### Supplied material
• • •
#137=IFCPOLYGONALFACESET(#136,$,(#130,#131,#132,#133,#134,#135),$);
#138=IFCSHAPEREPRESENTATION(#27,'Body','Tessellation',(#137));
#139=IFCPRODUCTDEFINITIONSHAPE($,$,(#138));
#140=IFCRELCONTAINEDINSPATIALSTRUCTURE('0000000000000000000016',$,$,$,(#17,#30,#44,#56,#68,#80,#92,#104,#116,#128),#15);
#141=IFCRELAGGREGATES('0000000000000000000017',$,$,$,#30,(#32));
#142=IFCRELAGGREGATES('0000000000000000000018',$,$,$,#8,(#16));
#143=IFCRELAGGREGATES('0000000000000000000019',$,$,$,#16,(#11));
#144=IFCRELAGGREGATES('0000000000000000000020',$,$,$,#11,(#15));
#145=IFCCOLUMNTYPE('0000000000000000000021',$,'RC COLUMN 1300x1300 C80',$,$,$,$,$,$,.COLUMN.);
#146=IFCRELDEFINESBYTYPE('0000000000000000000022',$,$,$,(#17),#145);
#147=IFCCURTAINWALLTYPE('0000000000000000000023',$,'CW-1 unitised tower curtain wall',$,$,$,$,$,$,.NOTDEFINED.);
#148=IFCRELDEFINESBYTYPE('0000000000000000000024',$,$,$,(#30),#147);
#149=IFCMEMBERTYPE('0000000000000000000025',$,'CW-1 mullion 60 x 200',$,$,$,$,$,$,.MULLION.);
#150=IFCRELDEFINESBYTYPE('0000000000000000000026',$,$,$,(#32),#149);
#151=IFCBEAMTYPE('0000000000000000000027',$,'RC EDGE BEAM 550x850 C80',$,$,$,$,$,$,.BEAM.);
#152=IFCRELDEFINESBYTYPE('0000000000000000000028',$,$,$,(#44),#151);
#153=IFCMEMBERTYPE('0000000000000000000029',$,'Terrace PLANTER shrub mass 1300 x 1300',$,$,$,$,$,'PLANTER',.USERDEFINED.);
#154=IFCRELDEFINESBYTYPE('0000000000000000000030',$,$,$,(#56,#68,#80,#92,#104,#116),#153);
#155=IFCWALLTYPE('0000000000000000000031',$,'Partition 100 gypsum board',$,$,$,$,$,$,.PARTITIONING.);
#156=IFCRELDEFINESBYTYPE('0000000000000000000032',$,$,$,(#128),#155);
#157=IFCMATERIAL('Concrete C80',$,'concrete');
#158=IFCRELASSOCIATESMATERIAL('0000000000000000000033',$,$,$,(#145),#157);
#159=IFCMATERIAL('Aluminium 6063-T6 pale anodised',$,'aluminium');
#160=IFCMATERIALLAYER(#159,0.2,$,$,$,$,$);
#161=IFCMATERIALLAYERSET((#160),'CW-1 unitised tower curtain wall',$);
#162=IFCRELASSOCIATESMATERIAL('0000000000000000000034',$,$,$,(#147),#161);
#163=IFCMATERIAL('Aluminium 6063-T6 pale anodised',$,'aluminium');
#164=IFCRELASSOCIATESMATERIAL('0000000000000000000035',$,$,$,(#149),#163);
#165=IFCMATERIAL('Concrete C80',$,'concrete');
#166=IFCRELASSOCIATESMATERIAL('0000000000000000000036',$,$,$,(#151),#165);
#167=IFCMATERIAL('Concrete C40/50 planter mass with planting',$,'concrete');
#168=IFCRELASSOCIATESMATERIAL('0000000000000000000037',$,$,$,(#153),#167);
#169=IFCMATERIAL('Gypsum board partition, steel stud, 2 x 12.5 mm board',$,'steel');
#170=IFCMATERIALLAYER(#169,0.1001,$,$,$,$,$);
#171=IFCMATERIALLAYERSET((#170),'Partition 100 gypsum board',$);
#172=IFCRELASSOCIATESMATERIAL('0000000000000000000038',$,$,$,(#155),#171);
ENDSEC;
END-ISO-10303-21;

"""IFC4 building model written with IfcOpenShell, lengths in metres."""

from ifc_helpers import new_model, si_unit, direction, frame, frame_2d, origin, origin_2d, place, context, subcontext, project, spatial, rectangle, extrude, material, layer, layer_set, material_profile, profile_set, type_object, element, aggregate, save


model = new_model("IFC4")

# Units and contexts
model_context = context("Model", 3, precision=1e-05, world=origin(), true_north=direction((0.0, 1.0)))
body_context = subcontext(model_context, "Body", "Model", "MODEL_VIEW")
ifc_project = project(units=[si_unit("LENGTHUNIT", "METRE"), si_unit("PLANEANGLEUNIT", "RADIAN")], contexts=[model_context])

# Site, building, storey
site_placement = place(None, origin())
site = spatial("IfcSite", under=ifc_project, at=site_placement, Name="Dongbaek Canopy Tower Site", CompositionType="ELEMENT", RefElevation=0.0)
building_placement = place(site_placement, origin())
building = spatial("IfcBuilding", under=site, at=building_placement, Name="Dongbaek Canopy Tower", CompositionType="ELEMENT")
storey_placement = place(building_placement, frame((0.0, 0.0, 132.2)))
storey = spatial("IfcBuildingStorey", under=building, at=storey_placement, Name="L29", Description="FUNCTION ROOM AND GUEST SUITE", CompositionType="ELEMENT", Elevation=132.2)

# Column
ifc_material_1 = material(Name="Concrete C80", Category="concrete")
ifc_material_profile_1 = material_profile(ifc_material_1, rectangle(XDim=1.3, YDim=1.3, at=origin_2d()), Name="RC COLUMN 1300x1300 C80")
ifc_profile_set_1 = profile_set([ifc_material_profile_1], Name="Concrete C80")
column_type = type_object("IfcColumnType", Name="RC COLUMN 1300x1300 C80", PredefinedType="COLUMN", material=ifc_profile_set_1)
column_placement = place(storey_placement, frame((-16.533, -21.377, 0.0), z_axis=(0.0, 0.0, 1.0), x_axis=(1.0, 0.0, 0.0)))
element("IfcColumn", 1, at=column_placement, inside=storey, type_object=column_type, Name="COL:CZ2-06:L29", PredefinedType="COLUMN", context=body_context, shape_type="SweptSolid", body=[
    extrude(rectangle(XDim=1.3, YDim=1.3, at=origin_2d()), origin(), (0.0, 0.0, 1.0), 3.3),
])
• • •
Say how many lines in the records hold the word "aluminium", giving the number by itself.

2